Required action: From the records below, extract only the lines running from the line with "#27=IFCINDEXEDPOLYGONALFACE((11,15,16,12));" to the line with "#52=IFCINDEXEDPOLYGONALFACE((61,62,66,65));", both lines included, reproducing them exactly.

Saved entries:
↓↓↓
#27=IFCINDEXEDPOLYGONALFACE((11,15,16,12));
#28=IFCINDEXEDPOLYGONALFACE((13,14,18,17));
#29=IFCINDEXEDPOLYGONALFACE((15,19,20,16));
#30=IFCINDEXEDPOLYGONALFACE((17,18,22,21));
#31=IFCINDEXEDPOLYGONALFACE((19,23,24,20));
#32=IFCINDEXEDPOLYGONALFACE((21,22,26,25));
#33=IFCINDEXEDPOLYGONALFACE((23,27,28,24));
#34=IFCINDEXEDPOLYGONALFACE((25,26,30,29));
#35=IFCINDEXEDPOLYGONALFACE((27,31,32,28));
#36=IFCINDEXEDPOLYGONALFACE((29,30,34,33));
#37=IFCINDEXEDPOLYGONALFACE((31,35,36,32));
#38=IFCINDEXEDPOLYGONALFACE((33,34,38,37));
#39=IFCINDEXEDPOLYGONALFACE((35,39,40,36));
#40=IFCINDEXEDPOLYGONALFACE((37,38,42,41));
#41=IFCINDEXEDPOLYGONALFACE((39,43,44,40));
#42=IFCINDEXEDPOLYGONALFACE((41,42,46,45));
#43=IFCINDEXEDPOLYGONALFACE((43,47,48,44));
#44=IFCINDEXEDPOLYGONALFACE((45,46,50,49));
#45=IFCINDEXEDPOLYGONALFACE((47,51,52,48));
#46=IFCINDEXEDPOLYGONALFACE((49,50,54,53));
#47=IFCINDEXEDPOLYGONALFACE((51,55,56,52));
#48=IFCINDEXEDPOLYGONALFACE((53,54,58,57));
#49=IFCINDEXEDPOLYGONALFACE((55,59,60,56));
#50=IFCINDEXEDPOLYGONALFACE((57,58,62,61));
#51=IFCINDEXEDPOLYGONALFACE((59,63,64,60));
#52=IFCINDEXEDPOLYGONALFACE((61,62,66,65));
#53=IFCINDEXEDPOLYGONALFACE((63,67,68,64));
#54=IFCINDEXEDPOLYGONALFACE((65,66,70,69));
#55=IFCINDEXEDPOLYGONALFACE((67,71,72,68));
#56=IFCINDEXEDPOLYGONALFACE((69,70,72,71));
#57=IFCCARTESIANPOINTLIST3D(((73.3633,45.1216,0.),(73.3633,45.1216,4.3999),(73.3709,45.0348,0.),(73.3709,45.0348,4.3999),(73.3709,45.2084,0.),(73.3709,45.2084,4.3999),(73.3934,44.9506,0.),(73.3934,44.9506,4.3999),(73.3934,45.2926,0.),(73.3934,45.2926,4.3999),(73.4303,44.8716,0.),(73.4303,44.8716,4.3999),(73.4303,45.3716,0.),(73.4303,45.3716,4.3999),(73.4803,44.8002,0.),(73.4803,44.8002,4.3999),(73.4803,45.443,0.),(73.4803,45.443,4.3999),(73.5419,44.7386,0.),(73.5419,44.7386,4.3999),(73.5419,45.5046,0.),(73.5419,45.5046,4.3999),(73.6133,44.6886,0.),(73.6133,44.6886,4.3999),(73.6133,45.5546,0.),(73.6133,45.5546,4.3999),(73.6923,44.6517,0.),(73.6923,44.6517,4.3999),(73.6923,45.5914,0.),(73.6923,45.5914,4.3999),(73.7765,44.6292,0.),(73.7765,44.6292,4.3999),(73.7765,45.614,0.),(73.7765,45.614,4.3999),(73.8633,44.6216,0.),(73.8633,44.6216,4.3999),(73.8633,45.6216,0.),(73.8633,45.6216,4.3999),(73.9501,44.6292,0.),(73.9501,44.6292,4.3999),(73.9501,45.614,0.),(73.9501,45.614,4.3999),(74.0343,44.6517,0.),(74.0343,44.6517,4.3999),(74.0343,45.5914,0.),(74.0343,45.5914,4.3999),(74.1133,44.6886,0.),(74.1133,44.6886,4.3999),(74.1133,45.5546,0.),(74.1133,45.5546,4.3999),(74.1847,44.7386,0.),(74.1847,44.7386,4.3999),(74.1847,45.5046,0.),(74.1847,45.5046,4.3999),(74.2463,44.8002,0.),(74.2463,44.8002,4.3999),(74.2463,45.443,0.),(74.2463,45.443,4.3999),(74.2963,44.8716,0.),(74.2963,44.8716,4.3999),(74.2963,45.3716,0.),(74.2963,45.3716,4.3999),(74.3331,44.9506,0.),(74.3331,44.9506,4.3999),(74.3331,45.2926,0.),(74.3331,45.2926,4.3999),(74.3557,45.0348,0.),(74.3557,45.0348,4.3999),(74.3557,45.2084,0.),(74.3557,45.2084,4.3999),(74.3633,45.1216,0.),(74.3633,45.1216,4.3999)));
↑↑↑
↓↓↓
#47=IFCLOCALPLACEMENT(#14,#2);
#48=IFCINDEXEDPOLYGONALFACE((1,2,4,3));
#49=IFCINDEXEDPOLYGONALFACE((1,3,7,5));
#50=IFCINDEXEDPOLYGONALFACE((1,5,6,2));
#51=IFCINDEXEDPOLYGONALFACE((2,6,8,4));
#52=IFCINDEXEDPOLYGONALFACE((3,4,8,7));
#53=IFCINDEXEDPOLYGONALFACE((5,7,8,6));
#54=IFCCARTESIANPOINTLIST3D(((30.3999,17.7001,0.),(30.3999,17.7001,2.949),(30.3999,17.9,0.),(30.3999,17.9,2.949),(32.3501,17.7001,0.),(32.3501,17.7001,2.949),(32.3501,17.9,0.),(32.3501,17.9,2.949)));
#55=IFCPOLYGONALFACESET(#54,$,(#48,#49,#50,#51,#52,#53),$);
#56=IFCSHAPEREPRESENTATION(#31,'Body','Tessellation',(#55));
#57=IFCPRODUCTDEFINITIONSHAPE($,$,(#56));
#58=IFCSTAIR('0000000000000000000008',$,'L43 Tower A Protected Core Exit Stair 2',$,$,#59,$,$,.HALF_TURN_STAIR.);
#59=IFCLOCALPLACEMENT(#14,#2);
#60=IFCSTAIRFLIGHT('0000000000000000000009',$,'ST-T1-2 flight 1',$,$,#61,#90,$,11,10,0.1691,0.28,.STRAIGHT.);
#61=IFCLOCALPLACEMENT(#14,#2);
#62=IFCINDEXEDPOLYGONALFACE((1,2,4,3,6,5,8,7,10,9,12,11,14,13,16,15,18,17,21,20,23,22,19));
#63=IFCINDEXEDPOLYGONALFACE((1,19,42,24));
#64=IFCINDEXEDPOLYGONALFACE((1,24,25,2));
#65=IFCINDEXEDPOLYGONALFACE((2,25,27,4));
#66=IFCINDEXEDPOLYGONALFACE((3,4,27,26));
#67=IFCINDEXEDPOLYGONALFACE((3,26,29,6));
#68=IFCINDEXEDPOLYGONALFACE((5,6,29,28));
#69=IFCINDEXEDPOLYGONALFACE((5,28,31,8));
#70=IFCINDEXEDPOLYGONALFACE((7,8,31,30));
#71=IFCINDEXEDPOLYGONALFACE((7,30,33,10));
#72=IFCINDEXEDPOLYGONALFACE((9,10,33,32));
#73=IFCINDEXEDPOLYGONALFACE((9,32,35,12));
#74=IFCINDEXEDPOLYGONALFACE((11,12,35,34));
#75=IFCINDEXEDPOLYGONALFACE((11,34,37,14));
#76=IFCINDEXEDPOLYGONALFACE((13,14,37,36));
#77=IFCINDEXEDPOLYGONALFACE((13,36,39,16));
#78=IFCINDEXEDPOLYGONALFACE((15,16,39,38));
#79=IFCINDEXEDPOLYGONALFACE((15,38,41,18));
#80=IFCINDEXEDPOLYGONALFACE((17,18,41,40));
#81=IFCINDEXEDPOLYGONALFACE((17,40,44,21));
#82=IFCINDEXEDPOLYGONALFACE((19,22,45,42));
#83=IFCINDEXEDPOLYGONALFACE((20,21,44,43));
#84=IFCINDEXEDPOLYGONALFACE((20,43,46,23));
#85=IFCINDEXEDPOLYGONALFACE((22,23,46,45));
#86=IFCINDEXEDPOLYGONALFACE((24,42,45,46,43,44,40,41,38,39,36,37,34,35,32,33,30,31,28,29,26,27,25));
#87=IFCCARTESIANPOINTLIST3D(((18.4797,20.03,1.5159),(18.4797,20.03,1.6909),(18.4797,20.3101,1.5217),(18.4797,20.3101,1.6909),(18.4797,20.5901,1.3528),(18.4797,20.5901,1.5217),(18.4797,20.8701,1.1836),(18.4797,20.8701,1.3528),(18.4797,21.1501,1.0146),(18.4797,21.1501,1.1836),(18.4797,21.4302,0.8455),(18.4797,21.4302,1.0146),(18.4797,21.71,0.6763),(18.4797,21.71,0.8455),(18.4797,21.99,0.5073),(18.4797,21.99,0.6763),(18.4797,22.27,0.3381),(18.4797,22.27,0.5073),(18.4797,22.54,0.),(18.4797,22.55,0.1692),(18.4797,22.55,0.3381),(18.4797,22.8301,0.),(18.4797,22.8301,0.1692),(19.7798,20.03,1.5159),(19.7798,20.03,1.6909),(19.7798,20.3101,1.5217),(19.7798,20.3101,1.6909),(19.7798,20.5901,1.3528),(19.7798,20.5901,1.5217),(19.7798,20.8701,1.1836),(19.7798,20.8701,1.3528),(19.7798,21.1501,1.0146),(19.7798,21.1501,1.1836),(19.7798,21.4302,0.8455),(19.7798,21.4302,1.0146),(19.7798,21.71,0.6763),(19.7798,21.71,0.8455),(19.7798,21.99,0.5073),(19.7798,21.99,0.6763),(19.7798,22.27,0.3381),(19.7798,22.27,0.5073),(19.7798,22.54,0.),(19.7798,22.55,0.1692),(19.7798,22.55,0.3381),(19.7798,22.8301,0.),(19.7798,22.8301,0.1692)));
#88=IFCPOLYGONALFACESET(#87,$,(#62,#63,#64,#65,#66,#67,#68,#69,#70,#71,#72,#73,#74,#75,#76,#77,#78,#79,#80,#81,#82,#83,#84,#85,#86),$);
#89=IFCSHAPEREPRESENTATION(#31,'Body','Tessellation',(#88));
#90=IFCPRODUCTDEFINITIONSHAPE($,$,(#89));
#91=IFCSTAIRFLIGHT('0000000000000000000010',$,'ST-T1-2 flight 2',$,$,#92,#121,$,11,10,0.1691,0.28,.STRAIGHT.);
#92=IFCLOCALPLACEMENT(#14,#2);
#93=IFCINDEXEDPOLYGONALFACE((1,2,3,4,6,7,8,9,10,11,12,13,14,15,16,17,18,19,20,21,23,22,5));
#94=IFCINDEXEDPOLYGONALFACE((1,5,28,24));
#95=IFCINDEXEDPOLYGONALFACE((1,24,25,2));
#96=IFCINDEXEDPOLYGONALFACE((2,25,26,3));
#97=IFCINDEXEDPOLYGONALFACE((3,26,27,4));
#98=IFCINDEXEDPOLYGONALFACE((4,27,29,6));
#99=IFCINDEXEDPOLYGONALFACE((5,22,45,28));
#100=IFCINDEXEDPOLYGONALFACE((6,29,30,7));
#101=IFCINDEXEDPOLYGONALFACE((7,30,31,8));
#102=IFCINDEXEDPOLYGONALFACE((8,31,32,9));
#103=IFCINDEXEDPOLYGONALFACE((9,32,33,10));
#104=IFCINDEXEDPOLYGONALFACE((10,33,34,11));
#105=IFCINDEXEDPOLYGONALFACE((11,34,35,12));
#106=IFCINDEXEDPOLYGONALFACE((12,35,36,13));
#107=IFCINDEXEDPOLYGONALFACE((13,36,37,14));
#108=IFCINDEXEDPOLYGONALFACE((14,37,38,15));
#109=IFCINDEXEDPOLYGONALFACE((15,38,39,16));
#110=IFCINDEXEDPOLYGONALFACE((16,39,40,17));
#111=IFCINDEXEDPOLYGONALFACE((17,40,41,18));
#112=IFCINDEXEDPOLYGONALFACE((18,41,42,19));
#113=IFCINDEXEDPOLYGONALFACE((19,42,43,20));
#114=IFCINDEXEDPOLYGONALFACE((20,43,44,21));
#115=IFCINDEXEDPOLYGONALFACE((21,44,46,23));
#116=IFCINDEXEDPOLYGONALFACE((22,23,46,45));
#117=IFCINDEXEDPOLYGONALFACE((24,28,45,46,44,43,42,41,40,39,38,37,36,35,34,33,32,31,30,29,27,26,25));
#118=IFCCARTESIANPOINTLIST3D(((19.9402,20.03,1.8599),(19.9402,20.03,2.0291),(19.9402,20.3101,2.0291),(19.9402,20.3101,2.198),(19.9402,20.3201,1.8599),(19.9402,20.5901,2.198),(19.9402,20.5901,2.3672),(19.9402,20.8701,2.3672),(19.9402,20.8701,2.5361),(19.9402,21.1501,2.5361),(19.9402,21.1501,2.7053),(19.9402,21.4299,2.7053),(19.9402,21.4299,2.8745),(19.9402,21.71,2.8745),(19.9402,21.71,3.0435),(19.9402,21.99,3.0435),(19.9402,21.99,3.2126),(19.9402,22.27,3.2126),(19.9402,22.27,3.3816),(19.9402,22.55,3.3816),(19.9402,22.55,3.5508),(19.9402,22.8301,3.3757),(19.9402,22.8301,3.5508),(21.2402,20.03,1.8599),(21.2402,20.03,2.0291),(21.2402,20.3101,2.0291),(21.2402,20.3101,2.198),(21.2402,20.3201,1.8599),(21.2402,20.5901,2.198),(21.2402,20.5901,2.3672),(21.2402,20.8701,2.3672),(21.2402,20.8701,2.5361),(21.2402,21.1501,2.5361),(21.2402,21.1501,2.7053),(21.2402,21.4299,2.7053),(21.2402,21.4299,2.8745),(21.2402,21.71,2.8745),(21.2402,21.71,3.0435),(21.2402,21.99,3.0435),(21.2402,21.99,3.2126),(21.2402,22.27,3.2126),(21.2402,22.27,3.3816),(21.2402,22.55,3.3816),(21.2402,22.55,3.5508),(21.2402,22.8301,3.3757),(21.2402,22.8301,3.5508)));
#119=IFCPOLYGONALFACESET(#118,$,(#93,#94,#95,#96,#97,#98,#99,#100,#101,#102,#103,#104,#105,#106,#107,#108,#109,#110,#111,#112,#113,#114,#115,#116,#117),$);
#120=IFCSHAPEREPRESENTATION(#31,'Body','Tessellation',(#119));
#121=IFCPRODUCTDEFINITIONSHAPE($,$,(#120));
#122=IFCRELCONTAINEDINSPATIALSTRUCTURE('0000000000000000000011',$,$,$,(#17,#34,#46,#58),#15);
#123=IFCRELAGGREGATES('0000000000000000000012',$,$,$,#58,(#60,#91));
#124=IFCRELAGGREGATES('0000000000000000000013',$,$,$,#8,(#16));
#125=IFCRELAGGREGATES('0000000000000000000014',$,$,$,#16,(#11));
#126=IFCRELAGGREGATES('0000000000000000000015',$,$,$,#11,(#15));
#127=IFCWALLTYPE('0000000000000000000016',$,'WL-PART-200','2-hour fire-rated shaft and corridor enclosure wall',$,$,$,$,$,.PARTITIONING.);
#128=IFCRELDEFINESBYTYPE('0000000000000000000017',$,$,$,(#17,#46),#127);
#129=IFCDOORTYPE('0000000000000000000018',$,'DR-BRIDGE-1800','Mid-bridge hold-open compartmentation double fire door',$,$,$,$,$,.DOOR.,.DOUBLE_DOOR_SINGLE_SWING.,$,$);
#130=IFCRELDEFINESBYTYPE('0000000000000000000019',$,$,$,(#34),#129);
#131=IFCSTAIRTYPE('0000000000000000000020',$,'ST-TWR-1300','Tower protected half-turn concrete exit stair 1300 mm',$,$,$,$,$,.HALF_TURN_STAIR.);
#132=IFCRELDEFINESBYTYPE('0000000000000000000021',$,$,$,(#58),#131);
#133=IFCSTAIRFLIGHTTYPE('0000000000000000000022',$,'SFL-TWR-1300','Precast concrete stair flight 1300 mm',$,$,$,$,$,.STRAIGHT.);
↑↑↑
Task solution:
#27=IFCINDEXEDPOLYGONALFACE((11,15,16,12));
#28=IFCINDEXEDPOLYGONALFACE((13,14,18,17));
#29=IFCINDEXEDPOLYGONALFACE((15,19,20,16));
#30=IFCINDEXEDPOLYGONALFACE((17,18,22,21));
#31=IFCINDEXEDPOLYGONALFACE((19,23,24,20));
#32=IFCINDEXEDPOLYGONALFACE((21,22,26,25));
#33=IFCINDEXEDPOLYGONALFACE((23,27,28,24));
#34=IFCINDEXEDPOLYGONALFACE((25,26,30,29));
#35=IFCINDEXEDPOLYGONALFACE((27,31,32,28));
#36=IFCINDEXEDPOLYGONALFACE((29,30,34,33));
#37=IFCINDEXEDPOLYGONALFACE((31,35,36,32));
#38=IFCINDEXEDPOLYGONALFACE((33,34,38,37));
#39=IFCINDEXEDPOLYGONALFACE((35,39,40,36));
#40=IFCINDEXEDPOLYGONALFACE((37,38,42,41));
#41=IFCINDEXEDPOLYGONALFACE((39,43,44,40));
#42=IFCINDEXEDPOLYGONALFACE((41,42,46,45));
#43=IFCINDEXEDPOLYGONALFACE((43,47,48,44));
#44=IFCINDEXEDPOLYGONALFACE((45,46,50,49));
#45=IFCINDEXEDPOLYGONALFACE((47,51,52,48));
#46=IFCINDEXEDPOLYGONALFACE((49,50,54,53));
#47=IFCINDEXEDPOLYGONALFACE((51,55,56,52));
#48=IFCINDEXEDPOLYGONALFACE((53,54,58,57));
#49=IFCINDEXEDPOLYGONALFACE((55,59,60,56));
#50=IFCINDEXEDPOLYGONALFACE((57,58,62,61));
#51=IFCINDEXEDPOLYGONALFACE((59,63,64,60));
#52=IFCINDEXEDPOLYGONALFACE((61,62,66,65));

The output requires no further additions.